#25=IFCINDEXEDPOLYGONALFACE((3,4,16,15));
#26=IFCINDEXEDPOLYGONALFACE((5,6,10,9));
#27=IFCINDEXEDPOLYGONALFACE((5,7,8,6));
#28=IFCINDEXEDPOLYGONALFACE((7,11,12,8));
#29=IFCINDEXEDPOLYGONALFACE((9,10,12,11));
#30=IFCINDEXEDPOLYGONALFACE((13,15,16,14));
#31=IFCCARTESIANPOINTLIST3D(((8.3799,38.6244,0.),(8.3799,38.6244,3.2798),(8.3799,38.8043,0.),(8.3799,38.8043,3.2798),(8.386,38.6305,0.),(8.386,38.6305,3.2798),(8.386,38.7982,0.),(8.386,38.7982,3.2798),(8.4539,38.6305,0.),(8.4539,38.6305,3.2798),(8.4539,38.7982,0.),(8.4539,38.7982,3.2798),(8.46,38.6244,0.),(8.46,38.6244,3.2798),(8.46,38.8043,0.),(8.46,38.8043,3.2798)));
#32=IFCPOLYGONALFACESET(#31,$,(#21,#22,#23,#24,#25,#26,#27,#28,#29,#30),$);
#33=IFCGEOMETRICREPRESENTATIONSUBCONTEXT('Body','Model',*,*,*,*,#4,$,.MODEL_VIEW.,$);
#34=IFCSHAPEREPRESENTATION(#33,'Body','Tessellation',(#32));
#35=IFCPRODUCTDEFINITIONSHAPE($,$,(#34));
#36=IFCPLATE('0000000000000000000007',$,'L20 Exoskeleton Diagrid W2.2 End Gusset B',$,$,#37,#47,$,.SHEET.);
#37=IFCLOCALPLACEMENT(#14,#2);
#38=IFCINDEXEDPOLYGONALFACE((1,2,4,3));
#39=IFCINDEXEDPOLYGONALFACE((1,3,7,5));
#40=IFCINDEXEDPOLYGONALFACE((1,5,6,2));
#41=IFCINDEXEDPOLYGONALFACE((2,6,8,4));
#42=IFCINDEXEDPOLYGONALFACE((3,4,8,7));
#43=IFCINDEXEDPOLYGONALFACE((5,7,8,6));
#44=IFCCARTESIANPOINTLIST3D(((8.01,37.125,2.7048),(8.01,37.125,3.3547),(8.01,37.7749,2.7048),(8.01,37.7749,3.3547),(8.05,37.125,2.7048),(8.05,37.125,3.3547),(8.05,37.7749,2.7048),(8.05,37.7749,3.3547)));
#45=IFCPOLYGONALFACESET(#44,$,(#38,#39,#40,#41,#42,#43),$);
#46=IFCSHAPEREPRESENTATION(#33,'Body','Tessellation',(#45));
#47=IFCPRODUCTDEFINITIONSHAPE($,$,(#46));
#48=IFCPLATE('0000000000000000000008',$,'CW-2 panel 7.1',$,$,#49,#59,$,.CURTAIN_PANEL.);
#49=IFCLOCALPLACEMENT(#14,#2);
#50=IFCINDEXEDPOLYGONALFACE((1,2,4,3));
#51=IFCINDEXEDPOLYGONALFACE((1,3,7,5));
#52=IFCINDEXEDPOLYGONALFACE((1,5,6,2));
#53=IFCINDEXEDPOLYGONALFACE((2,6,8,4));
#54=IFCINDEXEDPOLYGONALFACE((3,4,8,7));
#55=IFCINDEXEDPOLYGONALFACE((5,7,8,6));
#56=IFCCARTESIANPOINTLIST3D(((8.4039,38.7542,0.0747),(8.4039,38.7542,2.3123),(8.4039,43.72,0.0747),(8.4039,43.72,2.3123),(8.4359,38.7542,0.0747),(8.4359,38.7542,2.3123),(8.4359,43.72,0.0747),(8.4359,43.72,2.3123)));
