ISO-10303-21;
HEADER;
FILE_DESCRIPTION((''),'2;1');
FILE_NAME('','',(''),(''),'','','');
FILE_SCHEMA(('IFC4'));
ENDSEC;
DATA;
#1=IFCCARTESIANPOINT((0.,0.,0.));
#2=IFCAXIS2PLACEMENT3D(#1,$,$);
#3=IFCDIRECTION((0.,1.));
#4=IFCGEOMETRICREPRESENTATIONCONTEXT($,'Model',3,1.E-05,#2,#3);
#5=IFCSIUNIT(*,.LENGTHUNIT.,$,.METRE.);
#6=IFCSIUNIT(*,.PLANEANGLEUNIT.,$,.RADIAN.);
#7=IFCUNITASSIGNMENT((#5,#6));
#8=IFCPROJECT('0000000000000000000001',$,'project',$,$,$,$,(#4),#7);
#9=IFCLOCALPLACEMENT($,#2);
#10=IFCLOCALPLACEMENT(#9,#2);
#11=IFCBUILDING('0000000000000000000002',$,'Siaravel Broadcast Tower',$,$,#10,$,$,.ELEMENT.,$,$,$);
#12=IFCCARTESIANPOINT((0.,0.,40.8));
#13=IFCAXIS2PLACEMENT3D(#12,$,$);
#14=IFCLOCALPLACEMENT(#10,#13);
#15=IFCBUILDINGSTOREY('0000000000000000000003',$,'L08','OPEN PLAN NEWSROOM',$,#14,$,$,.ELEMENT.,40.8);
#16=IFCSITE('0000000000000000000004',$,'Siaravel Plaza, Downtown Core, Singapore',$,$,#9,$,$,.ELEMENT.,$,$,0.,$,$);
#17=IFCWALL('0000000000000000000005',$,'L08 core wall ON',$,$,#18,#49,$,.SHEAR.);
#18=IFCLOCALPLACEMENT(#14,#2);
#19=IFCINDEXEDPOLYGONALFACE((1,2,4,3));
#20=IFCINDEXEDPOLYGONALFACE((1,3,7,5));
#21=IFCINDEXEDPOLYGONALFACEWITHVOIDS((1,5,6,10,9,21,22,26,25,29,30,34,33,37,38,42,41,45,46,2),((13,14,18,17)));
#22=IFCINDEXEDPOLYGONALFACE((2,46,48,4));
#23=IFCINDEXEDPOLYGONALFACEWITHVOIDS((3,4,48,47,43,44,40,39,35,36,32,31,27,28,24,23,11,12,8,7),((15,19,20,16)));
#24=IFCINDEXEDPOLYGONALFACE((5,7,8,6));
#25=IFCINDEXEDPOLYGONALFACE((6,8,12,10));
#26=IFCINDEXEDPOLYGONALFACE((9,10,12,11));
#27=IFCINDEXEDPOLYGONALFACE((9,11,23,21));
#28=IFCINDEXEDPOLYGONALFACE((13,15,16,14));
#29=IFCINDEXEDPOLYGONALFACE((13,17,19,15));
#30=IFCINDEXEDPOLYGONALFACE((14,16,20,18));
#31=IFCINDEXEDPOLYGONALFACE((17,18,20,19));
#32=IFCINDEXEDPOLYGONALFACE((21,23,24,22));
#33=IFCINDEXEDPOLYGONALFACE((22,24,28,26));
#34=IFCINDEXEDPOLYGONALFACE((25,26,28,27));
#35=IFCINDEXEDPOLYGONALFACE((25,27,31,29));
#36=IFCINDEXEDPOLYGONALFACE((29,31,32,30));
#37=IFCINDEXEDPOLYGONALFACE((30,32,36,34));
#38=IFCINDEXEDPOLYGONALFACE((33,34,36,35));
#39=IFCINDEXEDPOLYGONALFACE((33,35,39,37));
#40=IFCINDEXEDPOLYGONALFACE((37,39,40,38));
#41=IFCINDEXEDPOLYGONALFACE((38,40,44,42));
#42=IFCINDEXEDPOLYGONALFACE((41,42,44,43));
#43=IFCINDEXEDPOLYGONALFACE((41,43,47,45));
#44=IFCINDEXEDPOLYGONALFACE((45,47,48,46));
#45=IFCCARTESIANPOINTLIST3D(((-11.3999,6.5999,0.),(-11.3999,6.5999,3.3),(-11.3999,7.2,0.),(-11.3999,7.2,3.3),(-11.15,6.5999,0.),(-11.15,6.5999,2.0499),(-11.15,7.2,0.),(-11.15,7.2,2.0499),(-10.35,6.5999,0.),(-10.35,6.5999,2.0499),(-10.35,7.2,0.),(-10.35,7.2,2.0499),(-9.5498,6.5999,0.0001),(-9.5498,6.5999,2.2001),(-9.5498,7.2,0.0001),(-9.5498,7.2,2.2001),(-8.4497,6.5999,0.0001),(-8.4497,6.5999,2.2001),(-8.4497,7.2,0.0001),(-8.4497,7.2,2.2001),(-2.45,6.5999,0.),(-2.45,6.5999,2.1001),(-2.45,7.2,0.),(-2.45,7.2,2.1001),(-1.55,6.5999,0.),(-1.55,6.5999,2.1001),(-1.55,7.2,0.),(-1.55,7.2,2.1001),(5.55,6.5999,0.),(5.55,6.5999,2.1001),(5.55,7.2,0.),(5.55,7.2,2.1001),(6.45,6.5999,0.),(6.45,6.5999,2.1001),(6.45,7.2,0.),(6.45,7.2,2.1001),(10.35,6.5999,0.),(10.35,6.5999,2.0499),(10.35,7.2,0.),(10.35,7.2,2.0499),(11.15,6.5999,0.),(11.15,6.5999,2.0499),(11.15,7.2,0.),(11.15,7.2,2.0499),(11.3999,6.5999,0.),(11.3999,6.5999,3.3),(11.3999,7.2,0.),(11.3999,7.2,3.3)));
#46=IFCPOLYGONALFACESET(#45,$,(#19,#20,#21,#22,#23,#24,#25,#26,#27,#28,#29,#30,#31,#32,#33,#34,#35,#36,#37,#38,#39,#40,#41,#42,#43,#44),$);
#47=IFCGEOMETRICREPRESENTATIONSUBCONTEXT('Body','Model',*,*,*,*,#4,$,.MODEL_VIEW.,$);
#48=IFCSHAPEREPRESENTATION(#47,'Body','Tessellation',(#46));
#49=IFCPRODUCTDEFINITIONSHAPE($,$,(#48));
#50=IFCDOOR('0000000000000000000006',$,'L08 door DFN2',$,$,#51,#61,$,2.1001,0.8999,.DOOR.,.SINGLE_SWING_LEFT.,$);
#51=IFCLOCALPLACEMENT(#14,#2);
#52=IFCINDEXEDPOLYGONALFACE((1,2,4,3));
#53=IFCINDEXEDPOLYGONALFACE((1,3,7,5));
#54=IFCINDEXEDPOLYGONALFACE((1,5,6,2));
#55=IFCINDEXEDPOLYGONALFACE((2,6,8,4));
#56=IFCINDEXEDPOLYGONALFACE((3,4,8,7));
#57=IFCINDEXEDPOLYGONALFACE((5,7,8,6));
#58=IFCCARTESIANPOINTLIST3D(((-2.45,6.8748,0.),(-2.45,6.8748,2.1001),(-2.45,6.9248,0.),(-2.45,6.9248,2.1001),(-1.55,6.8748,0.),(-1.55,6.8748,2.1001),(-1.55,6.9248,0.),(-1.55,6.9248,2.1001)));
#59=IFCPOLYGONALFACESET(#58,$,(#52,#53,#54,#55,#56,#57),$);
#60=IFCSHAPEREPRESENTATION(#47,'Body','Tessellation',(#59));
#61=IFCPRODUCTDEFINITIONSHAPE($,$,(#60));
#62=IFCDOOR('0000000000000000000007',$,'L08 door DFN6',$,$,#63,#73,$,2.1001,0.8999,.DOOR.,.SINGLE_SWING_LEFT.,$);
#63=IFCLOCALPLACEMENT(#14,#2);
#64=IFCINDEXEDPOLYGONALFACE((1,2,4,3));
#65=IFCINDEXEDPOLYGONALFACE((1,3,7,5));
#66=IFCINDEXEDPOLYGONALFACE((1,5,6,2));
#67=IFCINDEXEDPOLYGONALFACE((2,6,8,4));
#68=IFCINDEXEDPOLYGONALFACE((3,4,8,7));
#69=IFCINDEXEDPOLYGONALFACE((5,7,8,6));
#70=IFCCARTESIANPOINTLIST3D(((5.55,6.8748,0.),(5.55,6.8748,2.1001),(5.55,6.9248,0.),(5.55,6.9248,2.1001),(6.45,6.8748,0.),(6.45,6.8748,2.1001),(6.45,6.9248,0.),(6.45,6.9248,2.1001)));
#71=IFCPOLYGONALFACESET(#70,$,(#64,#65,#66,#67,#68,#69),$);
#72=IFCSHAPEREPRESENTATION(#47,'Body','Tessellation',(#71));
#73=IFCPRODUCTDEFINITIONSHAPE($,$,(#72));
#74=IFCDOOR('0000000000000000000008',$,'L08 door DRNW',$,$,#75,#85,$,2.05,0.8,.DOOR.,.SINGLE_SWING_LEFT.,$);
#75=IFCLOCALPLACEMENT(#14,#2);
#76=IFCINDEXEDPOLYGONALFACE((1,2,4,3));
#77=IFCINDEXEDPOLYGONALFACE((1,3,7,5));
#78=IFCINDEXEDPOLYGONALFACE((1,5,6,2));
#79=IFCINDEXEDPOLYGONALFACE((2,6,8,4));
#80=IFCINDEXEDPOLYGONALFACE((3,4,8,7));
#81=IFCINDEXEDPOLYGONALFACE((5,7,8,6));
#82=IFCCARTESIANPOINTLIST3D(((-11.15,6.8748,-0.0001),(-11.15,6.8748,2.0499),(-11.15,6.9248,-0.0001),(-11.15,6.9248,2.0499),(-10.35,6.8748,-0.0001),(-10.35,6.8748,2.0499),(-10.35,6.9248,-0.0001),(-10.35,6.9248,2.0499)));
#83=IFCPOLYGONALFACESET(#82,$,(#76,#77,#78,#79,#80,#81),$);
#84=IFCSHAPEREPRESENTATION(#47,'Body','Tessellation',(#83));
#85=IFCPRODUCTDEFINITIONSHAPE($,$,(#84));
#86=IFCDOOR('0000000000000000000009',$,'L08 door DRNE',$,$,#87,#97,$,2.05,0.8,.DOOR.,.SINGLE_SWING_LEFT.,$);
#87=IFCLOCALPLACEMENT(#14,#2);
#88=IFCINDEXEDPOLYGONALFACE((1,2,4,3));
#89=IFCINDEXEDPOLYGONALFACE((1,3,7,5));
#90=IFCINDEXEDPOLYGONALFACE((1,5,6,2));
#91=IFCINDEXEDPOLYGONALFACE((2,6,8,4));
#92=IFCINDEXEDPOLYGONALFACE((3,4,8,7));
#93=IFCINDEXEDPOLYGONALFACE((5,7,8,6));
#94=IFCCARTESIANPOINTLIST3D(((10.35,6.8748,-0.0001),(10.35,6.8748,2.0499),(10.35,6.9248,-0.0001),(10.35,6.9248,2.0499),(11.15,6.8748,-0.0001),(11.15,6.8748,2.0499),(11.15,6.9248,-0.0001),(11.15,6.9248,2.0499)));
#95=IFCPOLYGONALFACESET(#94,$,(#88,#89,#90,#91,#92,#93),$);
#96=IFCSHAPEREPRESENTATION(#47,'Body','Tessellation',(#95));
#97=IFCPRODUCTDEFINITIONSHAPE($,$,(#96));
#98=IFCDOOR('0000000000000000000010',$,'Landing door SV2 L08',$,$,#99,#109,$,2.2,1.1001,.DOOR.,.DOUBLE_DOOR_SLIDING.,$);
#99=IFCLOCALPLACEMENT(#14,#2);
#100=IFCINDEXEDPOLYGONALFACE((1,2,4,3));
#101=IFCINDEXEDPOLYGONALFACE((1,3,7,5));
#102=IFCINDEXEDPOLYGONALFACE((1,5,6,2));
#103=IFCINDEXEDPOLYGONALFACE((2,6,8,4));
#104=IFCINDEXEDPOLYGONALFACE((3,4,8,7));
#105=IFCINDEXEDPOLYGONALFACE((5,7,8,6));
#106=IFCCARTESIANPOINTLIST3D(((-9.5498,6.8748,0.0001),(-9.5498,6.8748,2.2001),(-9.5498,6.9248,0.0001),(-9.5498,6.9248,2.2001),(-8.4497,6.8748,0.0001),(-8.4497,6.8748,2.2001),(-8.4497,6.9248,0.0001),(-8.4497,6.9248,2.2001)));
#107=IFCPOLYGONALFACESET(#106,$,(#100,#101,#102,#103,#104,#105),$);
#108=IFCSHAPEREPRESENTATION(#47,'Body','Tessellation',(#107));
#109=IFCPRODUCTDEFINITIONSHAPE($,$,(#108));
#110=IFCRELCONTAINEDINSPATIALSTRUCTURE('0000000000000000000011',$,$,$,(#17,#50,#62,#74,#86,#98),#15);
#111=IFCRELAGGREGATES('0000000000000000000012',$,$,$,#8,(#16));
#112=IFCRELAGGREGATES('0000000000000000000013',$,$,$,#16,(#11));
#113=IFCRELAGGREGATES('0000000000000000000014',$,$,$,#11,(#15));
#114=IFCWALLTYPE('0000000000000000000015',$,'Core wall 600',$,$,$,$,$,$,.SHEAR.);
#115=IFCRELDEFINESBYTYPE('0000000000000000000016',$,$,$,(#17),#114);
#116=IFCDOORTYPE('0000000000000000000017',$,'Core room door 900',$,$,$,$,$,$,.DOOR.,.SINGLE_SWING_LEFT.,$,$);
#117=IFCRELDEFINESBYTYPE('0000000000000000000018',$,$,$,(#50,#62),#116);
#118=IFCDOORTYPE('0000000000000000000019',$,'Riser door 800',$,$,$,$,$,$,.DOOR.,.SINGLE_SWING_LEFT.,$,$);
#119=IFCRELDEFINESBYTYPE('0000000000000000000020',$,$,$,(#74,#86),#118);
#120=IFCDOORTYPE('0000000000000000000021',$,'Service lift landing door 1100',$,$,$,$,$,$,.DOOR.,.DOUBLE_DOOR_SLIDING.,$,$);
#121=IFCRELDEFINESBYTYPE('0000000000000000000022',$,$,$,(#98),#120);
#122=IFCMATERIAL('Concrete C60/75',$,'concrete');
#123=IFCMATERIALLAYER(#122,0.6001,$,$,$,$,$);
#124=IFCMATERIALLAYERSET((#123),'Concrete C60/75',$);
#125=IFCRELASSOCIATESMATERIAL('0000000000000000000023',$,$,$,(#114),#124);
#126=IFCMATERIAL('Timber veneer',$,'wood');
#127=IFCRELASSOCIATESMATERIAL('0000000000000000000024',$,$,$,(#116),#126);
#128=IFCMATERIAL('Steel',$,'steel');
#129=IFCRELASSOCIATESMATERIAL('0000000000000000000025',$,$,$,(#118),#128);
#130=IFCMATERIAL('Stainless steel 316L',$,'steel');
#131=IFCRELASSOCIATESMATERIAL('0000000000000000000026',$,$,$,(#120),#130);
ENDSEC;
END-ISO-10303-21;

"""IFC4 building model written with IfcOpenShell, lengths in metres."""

from ifc_helpers import new_model, si_unit, direction, frame, frame_2d, origin, place, context, subcontext, project, spatial, rectangle, extrude, material, layer, layer_set, type_object, element, fill, save


model = new_model("IFC4")

# Units and contexts
model_context = context("Model", 3, precision=1e-05, world=origin(), true_north=direction((0.0, 1.0)))
body_context = subcontext(model_context, "Body", "Model", "MODEL_VIEW")
ifc_project = project(units=[si_unit("LENGTHUNIT", "METRE"), si_unit("PLANEANGLEUNIT", "RADIAN")], contexts=[model_context])

# Site, building, storey
site_placement = place(None, origin())
site = spatial("IfcSite", under=ifc_project, at=site_placement, Name="Siaravel Plaza, Downtown Core, Singapore", CompositionType="ELEMENT", RefElevation=0.0)
building_placement = place(site_placement, origin())
building = spatial("IfcBuilding", under=site, at=building_placement, Name="Siaravel Broadcast Tower", CompositionType="ELEMENT")
storey_placement = place(building_placement, frame((0.0, 0.0, 40.8)))
storey = spatial("IfcBuildingStorey", under=building, at=storey_placement, Name="L08", Description="OPEN PLAN NEWSROOM", CompositionType="ELEMENT", Elevation=40.8)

> [Work task]
Look through the material above and print exactly the lines from the one containing "#22=IFCINDEXEDPOLYGONALFACE((2,46,48,4));" to the one containing "#44=IFCINDEXEDPOLYGONALFACE((45,47,48,46));", both included, and nothing more.

> [Solution below]
#22=IFCINDEXEDPOLYGONALFACE((2,46,48,4));
#23=IFCINDEXEDPOLYGONALFACEWITHVOIDS((3,4,48,47,43,44,40,39,35,36,32,31,27,28,24,23,11,12,8,7),((15,19,20,16)));
#24=IFCINDEXEDPOLYGONALFACE((5,7,8,6));
#25=IFCINDEXEDPOLYGONALFACE((6,8,12,10));
#26=IFCINDEXEDPOLYGONALFACE((9,10,12,11));
#27=IFCINDEXEDPOLYGONALFACE((9,11,23,21));
#28=IFCINDEXEDPOLYGONALFACE((13,15,16,14));
#29=IFCINDEXEDPOLYGONALFACE((13,17,19,15));
#30=IFCINDEXEDPOLYGONALFACE((14,16,20,18));
#31=IFCINDEXEDPOLYGONALFACE((17,18,20,19));
#32=IFCINDEXEDPOLYGONALFACE((21,23,24,22));
#33=IFCINDEXEDPOLYGONALFACE((22,24,28,26));
#34=IFCINDEXEDPOLYGONALFACE((25,26,28,27));
#35=IFCINDEXEDPOLYGONALFACE((25,27,31,29));
#36=IFCINDEXEDPOLYGONALFACE((29,31,32,30));
#37=IFCINDEXEDPOLYGONALFACE((30,32,36,34));
#38=IFCINDEXEDPOLYGONALFACE((33,34,36,35));
#39=IFCINDEXEDPOLYGONALFACE((33,35,39,37));
#40=IFCINDEXEDPOLYGONALFACE((37,39,40,38));
#41=IFCINDEXEDPOLYGONALFACE((38,40,44,42));
#42=IFCINDEXEDPOLYGONALFACE((41,42,44,43));
#43=IFCINDEXEDPOLYGONALFACE((41,43,47,45));
#44=IFCINDEXEDPOLYGONALFACE((45,47,48,46));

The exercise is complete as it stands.